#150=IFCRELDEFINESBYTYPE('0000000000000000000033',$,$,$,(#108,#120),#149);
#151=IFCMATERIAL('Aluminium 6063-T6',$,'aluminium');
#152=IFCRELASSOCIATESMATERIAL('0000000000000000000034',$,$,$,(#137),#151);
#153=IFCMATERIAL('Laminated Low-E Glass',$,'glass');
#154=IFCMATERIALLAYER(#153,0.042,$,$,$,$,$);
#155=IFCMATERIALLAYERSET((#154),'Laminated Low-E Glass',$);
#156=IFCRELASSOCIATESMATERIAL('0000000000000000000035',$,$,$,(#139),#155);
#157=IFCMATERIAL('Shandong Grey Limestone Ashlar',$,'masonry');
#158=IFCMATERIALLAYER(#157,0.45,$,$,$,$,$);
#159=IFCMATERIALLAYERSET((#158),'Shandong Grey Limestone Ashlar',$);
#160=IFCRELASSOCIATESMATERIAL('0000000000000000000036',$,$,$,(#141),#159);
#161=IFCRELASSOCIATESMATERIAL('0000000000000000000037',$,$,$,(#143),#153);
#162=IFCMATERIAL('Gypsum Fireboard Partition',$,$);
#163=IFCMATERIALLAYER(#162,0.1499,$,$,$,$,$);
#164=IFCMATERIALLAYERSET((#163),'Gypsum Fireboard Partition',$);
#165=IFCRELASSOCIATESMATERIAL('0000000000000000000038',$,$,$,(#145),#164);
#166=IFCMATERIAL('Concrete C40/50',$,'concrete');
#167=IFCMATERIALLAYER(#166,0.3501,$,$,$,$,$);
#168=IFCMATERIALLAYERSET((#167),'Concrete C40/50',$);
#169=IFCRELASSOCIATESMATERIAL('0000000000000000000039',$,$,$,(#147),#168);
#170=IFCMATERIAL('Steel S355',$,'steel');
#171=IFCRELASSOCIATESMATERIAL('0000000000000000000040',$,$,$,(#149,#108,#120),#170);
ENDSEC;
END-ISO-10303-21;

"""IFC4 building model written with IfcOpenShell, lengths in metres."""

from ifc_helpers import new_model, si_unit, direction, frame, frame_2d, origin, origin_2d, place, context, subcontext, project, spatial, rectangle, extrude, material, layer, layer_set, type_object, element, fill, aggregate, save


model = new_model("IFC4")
•••••
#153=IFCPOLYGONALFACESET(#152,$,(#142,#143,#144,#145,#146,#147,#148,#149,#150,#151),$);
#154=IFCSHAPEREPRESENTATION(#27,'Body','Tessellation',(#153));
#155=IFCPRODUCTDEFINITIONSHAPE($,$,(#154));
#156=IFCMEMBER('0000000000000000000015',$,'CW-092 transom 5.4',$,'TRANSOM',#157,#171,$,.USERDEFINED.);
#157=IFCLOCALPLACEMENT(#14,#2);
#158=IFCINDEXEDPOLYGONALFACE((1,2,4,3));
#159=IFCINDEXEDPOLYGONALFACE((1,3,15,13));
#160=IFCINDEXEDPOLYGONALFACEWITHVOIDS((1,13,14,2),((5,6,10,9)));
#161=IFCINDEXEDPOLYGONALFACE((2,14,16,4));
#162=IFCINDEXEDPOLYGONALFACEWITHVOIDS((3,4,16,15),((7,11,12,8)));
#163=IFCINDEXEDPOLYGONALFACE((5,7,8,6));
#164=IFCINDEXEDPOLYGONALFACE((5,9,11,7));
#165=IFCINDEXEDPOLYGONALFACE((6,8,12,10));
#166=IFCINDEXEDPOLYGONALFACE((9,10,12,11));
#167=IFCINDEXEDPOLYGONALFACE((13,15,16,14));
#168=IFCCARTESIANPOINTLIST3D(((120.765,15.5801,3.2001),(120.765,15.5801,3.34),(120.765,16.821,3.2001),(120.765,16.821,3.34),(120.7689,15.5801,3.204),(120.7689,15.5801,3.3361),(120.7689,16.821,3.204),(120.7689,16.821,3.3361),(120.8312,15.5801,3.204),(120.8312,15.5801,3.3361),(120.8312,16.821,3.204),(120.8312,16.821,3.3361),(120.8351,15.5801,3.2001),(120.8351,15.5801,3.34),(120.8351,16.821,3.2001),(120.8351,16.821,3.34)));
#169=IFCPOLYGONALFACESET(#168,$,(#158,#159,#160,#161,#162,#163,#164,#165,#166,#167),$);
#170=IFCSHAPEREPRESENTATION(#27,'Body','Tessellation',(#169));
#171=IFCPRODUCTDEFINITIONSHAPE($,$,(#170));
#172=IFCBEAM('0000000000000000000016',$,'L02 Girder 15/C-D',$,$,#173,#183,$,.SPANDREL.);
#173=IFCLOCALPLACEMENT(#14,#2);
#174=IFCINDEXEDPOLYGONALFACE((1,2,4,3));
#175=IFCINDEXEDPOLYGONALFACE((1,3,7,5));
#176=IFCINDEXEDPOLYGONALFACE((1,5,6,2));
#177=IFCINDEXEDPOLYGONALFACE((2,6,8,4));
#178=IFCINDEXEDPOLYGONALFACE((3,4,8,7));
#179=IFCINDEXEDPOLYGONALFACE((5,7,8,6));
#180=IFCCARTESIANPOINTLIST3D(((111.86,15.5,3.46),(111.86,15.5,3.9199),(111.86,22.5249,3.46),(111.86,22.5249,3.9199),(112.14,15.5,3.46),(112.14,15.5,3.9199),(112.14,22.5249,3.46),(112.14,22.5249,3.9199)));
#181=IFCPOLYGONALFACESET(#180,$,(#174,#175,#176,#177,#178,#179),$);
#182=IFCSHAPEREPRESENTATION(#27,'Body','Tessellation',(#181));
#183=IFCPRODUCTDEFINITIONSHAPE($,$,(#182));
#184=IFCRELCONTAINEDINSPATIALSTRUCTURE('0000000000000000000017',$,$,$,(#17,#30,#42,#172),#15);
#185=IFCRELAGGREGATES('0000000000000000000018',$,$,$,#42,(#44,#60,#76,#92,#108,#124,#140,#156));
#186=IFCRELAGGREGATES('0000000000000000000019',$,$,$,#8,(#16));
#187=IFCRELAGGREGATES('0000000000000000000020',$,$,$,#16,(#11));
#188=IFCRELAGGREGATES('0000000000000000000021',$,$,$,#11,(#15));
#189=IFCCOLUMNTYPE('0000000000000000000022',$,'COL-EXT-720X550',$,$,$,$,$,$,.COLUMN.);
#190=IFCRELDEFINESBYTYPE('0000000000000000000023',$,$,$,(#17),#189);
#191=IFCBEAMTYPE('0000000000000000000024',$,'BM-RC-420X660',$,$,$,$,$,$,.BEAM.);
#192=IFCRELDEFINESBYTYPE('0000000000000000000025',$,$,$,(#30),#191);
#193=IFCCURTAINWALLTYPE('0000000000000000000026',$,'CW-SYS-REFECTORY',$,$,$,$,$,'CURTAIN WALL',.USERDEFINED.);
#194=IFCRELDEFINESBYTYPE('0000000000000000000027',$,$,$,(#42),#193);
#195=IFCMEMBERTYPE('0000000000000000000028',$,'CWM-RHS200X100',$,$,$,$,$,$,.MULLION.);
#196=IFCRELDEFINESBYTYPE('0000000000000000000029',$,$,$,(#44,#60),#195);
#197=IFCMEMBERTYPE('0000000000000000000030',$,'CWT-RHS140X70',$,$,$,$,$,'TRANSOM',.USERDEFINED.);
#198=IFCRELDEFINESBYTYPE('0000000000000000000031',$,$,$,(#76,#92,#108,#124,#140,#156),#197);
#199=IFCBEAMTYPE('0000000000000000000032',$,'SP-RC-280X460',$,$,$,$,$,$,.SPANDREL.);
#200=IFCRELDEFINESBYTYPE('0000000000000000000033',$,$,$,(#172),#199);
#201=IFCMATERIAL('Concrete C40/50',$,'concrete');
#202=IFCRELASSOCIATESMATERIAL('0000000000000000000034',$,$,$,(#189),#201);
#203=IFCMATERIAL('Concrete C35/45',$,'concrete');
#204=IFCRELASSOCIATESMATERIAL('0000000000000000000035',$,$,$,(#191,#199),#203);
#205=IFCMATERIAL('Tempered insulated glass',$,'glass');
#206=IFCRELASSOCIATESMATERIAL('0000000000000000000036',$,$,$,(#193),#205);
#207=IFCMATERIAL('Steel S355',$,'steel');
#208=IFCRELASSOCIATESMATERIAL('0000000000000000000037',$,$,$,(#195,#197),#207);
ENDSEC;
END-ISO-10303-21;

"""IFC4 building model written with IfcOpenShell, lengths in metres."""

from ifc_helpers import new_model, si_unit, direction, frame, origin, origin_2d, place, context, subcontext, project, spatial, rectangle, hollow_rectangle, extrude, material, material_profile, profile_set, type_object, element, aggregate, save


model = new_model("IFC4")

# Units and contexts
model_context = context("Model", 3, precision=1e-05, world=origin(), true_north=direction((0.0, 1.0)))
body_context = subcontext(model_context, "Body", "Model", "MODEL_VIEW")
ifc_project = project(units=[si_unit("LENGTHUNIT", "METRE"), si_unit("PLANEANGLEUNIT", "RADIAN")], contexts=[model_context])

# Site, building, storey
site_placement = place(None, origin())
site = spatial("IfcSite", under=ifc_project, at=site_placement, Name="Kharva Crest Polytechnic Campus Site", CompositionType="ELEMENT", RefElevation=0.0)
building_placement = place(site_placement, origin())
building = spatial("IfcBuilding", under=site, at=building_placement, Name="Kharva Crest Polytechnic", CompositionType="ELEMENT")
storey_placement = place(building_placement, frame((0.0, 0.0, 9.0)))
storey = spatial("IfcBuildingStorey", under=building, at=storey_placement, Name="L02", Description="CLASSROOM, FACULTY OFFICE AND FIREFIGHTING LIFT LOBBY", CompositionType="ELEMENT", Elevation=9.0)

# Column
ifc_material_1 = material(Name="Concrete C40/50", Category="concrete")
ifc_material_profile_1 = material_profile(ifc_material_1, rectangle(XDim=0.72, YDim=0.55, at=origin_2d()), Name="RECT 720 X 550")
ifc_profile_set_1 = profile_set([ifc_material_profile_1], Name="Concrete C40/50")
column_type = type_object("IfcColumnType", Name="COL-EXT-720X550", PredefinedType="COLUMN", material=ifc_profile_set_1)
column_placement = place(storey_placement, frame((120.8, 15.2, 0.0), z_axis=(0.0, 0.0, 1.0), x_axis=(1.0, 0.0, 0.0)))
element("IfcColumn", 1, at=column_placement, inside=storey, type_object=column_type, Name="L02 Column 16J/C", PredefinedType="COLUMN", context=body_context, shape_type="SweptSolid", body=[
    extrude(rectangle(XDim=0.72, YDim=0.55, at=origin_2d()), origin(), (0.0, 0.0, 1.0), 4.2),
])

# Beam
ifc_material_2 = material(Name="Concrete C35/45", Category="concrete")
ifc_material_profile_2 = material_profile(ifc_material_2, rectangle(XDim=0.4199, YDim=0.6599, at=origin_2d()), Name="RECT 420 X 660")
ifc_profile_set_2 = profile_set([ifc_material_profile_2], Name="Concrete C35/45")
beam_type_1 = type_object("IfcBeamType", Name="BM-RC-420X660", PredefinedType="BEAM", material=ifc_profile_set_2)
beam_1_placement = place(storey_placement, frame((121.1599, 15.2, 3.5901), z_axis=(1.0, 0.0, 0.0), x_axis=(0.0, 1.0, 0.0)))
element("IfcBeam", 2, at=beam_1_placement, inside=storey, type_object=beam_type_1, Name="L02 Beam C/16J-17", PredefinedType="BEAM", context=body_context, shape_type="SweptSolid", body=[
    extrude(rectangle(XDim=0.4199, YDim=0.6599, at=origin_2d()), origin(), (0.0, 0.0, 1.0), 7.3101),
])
•••••
- **TASK PROMPT**
Whenever a line in the records contains the word "TRANSOM", copy that line.

- **RESPONSE TO THIS EXERCISE**
#156=IFCMEMBER('0000000000000000000015',$,'CW-092 transom 5.4',$,'TRANSOM',#157,#171,$,.USERDEFINED.);
#197=IFCMEMBERTYPE('0000000000000000000030',$,'CWT-RHS140X70',$,$,$,$,$,'TRANSOM',.USERDEFINED.);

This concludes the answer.